### Your instructions
Would you please transcribe, exactly as written, the lines of the entries below starting at the one that holds "#55=IFCINDEXEDPOLYGONALFACE((2,6,8,4));" and ending at the one that holds "#63=IFCLOCALPLACEMENT(#14,#2);", both included?

### Data provided
((

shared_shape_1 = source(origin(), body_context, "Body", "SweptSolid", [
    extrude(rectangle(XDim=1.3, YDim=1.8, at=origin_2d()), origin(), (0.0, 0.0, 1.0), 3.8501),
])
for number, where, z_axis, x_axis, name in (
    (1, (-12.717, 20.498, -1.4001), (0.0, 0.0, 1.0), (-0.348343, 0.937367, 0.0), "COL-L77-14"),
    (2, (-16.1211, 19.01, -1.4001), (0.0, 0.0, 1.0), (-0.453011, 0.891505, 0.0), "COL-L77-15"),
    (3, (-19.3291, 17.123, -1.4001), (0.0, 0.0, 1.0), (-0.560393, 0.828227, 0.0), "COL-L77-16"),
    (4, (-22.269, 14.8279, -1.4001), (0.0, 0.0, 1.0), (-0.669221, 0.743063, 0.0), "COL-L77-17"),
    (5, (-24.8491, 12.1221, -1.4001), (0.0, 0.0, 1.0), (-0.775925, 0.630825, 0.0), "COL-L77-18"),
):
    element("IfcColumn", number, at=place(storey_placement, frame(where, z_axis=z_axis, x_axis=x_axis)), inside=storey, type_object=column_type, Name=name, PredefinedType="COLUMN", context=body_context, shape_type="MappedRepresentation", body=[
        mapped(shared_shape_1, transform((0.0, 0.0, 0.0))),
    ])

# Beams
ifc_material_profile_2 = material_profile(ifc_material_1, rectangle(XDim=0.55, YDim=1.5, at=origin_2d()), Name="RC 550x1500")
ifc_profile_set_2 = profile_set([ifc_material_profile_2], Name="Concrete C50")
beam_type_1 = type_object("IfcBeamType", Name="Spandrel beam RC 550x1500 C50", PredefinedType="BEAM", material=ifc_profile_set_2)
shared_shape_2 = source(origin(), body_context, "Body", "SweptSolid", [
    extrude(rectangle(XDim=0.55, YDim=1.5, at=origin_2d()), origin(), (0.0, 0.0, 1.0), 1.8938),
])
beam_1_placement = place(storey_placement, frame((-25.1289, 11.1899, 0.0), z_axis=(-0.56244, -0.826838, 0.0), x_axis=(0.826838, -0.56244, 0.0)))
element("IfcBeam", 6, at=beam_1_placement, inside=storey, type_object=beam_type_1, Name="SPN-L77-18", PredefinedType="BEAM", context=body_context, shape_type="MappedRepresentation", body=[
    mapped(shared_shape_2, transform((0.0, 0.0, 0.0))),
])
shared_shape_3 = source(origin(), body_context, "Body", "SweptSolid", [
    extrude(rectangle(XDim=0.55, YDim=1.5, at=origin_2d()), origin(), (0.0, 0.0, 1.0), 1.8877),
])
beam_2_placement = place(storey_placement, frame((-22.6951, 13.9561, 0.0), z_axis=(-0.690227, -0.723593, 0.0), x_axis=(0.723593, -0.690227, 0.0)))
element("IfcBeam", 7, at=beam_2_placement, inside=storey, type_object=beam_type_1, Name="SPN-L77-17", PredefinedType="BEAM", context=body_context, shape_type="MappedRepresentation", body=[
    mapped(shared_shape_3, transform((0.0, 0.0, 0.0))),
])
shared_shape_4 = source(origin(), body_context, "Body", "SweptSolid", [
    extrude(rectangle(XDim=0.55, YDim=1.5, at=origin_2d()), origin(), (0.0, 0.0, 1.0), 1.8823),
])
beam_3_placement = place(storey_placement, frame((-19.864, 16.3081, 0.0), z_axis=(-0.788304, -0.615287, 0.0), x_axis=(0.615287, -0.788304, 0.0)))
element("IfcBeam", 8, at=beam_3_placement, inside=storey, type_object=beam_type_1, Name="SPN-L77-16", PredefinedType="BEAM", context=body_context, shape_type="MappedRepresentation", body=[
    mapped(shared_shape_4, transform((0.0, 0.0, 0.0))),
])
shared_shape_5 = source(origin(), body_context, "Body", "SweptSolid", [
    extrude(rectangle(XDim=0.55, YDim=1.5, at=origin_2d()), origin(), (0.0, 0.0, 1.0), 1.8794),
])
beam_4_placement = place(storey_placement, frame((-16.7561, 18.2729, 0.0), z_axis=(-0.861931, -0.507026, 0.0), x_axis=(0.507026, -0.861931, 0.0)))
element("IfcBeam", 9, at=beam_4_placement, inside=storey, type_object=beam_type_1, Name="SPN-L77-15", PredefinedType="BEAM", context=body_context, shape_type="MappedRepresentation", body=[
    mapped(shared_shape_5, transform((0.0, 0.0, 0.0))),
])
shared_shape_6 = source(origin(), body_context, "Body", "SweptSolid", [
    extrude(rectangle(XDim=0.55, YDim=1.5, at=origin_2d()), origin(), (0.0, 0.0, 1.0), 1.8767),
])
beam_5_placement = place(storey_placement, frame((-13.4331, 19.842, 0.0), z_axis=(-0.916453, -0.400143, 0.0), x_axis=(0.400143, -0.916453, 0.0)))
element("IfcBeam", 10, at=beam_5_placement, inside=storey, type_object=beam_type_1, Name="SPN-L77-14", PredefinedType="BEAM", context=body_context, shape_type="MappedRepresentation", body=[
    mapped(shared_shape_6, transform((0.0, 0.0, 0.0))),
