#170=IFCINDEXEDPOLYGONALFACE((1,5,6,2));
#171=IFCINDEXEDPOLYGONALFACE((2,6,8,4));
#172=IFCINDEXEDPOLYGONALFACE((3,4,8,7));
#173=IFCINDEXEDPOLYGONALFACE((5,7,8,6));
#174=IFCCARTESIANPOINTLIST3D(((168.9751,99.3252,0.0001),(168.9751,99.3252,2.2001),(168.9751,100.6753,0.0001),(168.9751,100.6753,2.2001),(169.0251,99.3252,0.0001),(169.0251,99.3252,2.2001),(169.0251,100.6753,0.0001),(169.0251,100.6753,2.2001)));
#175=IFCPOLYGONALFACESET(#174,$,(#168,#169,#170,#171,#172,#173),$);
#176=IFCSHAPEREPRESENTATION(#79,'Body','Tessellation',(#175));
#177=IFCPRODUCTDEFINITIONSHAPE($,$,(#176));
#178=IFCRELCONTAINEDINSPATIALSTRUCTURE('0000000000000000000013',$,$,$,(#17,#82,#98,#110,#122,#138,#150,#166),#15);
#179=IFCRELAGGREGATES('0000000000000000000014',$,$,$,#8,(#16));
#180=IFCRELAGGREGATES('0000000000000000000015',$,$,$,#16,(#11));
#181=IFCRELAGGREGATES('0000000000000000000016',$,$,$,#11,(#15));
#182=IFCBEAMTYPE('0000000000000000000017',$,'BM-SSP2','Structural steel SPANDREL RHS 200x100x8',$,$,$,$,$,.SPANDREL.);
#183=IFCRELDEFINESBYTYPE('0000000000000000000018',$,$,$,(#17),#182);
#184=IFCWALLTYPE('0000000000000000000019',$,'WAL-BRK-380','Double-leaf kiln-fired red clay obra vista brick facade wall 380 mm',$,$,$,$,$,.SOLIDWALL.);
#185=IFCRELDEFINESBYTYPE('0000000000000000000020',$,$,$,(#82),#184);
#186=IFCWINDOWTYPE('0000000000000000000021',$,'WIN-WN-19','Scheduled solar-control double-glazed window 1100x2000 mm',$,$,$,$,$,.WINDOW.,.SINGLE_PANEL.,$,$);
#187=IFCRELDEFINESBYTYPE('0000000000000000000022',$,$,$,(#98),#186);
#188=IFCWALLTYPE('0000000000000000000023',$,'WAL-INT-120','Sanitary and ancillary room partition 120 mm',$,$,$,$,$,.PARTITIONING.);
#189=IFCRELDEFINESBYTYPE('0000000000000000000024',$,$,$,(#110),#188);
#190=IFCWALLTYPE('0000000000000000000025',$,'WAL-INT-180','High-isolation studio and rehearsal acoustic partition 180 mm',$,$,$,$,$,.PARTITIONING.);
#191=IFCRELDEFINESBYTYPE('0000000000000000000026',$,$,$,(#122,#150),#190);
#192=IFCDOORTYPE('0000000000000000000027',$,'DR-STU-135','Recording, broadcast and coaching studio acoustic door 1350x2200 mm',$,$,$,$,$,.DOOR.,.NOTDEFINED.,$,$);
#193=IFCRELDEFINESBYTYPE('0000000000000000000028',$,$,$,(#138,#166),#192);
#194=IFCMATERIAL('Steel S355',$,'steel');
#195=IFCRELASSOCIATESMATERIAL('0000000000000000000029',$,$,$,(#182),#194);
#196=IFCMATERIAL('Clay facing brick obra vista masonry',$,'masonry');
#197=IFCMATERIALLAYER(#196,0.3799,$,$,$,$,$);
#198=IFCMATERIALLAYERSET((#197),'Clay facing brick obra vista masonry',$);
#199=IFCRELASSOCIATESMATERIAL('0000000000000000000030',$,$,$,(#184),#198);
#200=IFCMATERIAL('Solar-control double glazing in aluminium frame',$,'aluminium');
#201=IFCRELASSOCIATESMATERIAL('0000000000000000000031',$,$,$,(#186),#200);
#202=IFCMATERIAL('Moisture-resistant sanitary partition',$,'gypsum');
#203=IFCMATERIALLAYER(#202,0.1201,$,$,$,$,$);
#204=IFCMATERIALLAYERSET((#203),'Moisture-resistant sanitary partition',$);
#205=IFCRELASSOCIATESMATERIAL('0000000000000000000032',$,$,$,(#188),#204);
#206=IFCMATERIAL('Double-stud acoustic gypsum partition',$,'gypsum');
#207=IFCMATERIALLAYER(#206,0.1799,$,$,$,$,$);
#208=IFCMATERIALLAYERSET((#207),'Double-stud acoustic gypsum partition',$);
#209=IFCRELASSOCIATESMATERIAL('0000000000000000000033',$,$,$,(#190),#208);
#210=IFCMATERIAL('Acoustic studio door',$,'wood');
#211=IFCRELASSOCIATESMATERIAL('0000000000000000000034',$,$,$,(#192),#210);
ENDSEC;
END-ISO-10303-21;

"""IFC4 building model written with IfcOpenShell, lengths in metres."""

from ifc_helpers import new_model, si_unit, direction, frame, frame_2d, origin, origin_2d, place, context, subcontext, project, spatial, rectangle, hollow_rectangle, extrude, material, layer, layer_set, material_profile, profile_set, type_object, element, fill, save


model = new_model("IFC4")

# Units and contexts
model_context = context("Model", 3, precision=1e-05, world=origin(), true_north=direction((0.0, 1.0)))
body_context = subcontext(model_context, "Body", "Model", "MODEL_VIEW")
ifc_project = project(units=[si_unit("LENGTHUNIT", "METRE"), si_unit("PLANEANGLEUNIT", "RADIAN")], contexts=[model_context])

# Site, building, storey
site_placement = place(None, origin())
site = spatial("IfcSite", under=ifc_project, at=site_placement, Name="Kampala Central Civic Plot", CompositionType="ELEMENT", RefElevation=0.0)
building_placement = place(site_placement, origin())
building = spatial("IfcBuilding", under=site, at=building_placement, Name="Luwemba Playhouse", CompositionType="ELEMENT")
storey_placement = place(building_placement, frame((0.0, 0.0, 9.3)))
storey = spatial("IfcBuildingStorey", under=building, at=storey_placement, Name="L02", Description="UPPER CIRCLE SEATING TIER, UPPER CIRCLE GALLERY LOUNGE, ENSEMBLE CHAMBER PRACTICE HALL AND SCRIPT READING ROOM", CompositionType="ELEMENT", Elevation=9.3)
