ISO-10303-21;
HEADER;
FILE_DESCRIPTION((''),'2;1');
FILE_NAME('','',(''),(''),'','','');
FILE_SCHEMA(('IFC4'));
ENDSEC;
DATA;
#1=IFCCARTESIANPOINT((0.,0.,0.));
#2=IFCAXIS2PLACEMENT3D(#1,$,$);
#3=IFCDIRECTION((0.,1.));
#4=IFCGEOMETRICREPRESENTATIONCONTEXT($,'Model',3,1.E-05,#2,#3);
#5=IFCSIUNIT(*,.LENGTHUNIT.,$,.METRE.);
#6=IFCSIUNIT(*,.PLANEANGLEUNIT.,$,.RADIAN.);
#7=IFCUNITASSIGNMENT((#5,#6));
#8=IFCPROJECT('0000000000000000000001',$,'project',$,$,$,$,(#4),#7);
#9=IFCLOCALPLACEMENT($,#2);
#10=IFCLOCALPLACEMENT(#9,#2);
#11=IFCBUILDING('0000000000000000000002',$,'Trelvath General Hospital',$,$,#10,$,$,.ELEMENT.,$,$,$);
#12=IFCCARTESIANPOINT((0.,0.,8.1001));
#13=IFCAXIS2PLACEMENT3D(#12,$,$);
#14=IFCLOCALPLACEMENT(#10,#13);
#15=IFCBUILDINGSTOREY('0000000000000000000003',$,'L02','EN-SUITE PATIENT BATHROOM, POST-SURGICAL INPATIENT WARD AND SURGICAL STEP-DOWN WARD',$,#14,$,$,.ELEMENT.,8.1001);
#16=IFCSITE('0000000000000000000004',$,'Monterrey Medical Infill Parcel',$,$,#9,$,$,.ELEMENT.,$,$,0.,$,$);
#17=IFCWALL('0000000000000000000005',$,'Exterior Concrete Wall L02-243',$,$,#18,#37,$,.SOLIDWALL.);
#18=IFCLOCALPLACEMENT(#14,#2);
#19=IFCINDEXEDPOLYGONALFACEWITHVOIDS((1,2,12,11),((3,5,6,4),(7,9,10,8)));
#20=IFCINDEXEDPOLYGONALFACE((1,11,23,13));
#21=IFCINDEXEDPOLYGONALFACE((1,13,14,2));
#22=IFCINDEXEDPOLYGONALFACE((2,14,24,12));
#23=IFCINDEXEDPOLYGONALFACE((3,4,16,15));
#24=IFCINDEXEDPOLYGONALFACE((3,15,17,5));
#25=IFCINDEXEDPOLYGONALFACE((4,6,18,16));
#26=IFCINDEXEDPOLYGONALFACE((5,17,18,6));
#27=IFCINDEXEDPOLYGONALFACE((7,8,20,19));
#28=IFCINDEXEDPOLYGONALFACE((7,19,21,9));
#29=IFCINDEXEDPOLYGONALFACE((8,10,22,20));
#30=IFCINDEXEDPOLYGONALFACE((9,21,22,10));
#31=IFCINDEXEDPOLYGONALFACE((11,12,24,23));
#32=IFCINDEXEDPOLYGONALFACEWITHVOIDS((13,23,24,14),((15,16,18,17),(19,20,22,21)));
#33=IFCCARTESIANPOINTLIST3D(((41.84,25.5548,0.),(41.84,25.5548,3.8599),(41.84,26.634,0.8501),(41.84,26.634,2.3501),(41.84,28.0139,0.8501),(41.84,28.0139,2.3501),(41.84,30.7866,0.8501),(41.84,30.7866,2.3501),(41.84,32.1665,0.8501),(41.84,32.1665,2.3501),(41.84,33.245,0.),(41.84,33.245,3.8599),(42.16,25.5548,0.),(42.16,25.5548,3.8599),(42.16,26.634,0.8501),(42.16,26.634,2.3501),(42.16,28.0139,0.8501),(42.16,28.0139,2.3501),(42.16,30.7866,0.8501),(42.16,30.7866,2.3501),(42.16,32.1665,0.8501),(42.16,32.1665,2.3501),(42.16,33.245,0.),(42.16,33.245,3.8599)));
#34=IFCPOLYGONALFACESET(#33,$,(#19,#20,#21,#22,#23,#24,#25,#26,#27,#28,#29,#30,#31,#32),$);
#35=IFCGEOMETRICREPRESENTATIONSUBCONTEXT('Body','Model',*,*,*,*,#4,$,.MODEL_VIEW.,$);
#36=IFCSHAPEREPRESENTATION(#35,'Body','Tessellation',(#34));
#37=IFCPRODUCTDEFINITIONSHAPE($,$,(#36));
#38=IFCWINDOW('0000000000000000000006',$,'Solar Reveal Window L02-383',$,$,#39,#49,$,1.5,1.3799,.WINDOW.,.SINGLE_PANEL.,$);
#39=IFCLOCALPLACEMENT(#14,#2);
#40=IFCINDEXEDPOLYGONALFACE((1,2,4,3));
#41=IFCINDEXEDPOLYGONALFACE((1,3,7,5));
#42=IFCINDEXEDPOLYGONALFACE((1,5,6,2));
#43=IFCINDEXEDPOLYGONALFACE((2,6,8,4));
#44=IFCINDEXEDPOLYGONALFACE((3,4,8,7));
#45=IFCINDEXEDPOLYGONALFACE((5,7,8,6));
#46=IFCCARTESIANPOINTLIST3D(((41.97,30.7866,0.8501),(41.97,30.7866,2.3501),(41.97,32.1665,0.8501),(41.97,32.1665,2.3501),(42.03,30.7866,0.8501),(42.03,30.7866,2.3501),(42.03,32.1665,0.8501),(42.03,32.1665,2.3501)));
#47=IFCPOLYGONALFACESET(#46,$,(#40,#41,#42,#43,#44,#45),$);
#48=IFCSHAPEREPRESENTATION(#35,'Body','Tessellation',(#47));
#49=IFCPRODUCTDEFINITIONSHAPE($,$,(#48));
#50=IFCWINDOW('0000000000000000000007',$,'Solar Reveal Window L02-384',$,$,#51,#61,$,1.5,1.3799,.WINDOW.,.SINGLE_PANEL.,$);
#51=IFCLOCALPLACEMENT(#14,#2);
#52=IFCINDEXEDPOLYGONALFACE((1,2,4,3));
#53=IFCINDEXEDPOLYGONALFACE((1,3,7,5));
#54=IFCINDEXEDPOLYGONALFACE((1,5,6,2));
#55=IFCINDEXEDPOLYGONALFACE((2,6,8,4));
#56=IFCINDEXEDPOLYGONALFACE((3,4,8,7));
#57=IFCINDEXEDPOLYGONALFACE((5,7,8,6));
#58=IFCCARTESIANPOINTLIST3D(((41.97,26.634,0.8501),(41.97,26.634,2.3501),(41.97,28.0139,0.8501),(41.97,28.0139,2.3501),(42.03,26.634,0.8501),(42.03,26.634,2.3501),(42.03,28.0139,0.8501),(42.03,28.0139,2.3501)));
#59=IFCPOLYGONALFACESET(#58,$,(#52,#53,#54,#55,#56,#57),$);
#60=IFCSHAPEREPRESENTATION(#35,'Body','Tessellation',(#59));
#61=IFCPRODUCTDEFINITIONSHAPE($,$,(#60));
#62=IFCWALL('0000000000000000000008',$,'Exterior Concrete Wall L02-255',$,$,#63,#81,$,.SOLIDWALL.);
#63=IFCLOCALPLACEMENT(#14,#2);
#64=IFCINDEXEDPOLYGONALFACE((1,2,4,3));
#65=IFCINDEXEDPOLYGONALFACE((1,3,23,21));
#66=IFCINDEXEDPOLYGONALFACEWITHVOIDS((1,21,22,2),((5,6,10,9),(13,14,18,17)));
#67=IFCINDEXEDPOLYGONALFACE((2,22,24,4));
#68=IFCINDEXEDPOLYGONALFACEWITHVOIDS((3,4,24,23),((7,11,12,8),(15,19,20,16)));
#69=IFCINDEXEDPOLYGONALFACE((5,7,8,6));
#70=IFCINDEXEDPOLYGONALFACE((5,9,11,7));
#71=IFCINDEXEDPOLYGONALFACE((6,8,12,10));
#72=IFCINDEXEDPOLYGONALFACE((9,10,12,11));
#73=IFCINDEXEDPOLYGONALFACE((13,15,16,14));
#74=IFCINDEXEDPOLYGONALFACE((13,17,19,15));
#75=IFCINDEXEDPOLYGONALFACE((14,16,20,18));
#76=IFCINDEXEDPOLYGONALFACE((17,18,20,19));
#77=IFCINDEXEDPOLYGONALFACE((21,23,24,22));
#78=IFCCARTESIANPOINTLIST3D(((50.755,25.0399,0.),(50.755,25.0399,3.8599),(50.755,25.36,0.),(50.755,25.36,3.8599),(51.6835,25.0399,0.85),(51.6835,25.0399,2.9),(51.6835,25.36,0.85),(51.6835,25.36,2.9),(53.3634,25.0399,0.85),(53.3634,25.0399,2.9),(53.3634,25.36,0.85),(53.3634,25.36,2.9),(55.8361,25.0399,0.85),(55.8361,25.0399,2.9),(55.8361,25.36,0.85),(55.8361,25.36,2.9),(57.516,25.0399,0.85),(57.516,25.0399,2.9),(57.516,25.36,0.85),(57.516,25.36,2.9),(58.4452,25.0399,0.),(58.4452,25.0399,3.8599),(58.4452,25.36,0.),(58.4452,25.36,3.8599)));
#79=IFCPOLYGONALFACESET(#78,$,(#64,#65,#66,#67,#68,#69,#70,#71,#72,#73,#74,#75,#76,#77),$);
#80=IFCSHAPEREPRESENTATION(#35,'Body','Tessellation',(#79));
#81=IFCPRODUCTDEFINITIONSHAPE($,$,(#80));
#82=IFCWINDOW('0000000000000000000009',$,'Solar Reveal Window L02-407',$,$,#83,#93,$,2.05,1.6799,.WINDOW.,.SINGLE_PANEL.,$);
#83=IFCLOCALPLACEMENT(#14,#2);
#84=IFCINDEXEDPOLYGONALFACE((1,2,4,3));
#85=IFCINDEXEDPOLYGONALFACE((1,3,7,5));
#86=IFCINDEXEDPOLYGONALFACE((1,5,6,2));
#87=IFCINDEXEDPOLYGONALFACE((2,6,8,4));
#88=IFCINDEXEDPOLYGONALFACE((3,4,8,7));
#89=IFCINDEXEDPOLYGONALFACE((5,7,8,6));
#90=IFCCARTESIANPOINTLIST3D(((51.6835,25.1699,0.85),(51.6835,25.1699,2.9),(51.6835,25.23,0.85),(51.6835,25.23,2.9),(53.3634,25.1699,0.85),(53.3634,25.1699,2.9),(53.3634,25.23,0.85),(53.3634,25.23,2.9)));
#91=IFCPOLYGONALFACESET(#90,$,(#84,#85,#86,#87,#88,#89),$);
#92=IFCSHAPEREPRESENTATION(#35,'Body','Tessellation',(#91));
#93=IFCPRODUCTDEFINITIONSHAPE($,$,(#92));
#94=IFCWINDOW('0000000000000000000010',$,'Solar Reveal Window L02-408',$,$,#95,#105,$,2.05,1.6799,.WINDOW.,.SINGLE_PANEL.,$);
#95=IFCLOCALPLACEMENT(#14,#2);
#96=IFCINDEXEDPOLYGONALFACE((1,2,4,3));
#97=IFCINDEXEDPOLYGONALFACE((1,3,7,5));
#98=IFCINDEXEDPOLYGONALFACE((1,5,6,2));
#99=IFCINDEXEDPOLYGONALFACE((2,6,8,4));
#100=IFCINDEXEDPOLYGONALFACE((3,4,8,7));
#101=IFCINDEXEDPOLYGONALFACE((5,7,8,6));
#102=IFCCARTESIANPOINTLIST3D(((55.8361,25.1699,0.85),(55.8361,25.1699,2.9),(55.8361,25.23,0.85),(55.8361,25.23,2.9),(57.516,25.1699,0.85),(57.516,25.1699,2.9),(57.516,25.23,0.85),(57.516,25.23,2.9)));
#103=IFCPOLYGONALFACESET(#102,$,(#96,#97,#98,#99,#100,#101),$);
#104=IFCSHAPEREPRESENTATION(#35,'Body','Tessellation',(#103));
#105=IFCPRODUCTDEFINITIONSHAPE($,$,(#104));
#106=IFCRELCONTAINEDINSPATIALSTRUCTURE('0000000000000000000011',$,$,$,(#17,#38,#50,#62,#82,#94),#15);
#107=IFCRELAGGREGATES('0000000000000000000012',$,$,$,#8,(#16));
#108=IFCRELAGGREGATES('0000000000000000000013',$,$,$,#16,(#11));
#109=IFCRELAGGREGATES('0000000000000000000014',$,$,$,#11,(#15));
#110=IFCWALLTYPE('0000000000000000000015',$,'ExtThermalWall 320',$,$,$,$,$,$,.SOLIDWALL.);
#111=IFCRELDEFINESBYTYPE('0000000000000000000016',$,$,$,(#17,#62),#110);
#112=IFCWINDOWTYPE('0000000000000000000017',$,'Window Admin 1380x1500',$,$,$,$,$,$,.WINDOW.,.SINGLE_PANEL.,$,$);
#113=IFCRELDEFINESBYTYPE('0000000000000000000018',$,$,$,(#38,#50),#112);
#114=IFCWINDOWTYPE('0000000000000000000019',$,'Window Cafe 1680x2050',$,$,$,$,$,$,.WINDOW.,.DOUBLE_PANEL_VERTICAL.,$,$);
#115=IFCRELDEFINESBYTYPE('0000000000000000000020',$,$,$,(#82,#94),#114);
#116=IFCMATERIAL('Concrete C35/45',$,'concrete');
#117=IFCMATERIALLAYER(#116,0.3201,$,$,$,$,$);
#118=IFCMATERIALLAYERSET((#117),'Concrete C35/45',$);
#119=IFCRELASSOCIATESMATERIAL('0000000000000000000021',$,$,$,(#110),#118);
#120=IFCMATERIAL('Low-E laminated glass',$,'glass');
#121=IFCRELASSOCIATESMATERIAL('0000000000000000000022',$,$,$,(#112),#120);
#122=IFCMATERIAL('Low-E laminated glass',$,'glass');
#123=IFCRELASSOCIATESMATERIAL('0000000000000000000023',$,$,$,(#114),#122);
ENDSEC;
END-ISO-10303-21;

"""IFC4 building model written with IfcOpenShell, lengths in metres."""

from ifc_helpers import new_model, si_unit, direction, frame, frame_2d, origin, place, context, subcontext, project, spatial, rectangle, extrude, material, layer, layer_set, type_object, element, fill, save


model = new_model("IFC4")

# Units and contexts
model_context = context("Model", 3, precision=1e-05, world=origin(), true_north=direction((0.0, 1.0)))
body_context = subcontext(model_context, "Body", "Model", "MODEL_VIEW")
ifc_project = project(units=[si_unit("LENGTHUNIT", "METRE"), si_unit("PLANEANGLEUNIT", "RADIAN")], contexts=[model_context])

# Site, building, storey
site_placement = place(None, origin())
site = spatial("IfcSite", under=ifc_project, at=site_placement, Name="Monterrey Medical Infill Parcel", CompositionType="ELEMENT", RefElevation=0.0)
building_placement = place(site_placement, origin())
building = spatial("IfcBuilding", under=site, at=building_placement, Name="Trelvath General Hospital", CompositionType="ELEMENT")
storey_placement = place(building_placement, frame((0.0, 0.0, 8.1001)))
storey = spatial("IfcBuildingStorey", under=building, at=storey_placement, Name="L02", Description="EN-SUITE PATIENT BATHROOM, POST-SURGICAL INPATIENT WARD AND SURGICAL STEP-DOWN WARD", CompositionType="ELEMENT", Elevation=8.1001)

# Walls, openings, windows
ifc_material_1 = material(Name="Concrete C35/45", Category="concrete")
ifc_layer_1 = layer(ifc_material_1, 0.3201)
ifc_layer_set_1 = layer_set([ifc_layer_1], Name="Concrete C35/45")
wall_type_1 = type_object("IfcWallType", Name="ExtThermalWall 320", PredefinedType="SOLIDWALL", material=ifc_layer_set_1)
wall_1_placement = place(storey_placement, frame((42.0, 33.2451, 0.0), z_axis=(0.0, 0.0, 1.0), x_axis=(0.0, -1.0, 0.0)))
wall_1 = element("IfcWall", 1, at=wall_1_placement, inside=storey, type_object=wall_type_1, Name="Exterior Concrete Wall L02-243", PredefinedType="SOLIDWALL", context=body_context, shape_type="SweptSolid", body=[
    extrude(rectangle(XDim=7.6902, YDim=0.3201, at=frame_2d((3.8452, 0.0))), origin(), (0.0, 0.0, 1.0), 3.8599),
])
opening_1_placement = place(wall_1_placement, frame((1.0786, 0.0, 0.8501)))
opening_1 = element("IfcOpeningElement", 2, at=opening_1_placement, cuts=wall_1, PredefinedType="OPENING", context=body_context, shape_type="SweptSolid", body=[
    extrude(rectangle(XDim=1.3799, YDim=1.5, at=frame_2d((0.6899, 0.75))), frame((0.0, 0.1699, 0.0), z_axis=(0.0, -1.0, 0.0), x_axis=(1.0, 0.0, 0.0)), (0.0, 0.0, 1.0), 0.3401),
])
opening_2_placement = place(wall_1_placement, frame((5.2312, 0.0, 0.8501)))
opening_2 = element("IfcOpeningElement", 3, at=opening_2_placement, cuts=wall_1, PredefinedType="OPENING", context=body_context, shape_type="SweptSolid", body=[
    extrude(rectangle(XDim=1.3799, YDim=1.5, at=frame_2d((0.6899, 0.75))), frame((0.0, 0.1699, 0.0), z_axis=(0.0, -1.0, 0.0), x_axis=(1.0, 0.0, 0.0)), (0.0, 0.0, 1.0), 0.3401),
])
ifc_material_2 = material(Name="Low-E laminated glass", Category="glass")
window_type_1 = type_object("IfcWindowType", Name="Window Admin 1380x1500", PartitioningType="SINGLE_PANEL", PredefinedType="WINDOW", material=ifc_material_2)
window_1_placement = place(opening_1_placement, origin())
window_1 = element("IfcWindow", 4, at=window_1_placement, inside=storey, type_object=window_type_1, Name="Solar Reveal Window L02-383", OverallHeight=1.5, OverallWidth=1.3799, PartitioningType="SINGLE_PANEL", PredefinedType="WINDOW", context=body_context, shape_type="SweptSolid", body=[
    extrude(rectangle(XDim=1.3799, YDim=1.5, at=frame_2d((0.6899, 0.75))), frame((0.0, 0.03, 0.0), z_axis=(0.0, -1.0, 0.0), x_axis=(1.0, 0.0, 0.0)), (0.0, 0.0, 1.0), 0.0601),
])
fill(opening_1, window_1)
window_2_placement = place(opening_2_placement, origin())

))

### Exercise answer
#55=IFCINDEXEDPOLYGONALFACE((2,6,8,4));
#56=IFCINDEXEDPOLYGONALFACE((3,4,8,7));
#57=IFCINDEXEDPOLYGONALFACE((5,7,8,6));
#58=IFCCARTESIANPOINTLIST3D(((41.97,26.634,0.8501),(41.97,26.634,2.3501),(41.97,28.0139,0.8501),(41.97,28.0139,2.3501),(42.03,26.634,0.8501),(42.03,26.634,2.3501),(42.03,28.0139,0.8501),(42.03,28.0139,2.3501)));
#59=IFCPOLYGONALFACESET(#58,$,(#52,#53,#54,#55,#56,#57),$);
#60=IFCSHAPEREPRESENTATION(#35,'Body','Tessellation',(#59));
#61=IFCPRODUCTDEFINITIONSHAPE($,$,(#60));
#62=IFCWALL('0000000000000000000008',$,'Exterior Concrete Wall L02-255',$,$,#63,#81,$,.SOLIDWALL.);
#63=IFCLOCALPLACEMENT(#14,#2);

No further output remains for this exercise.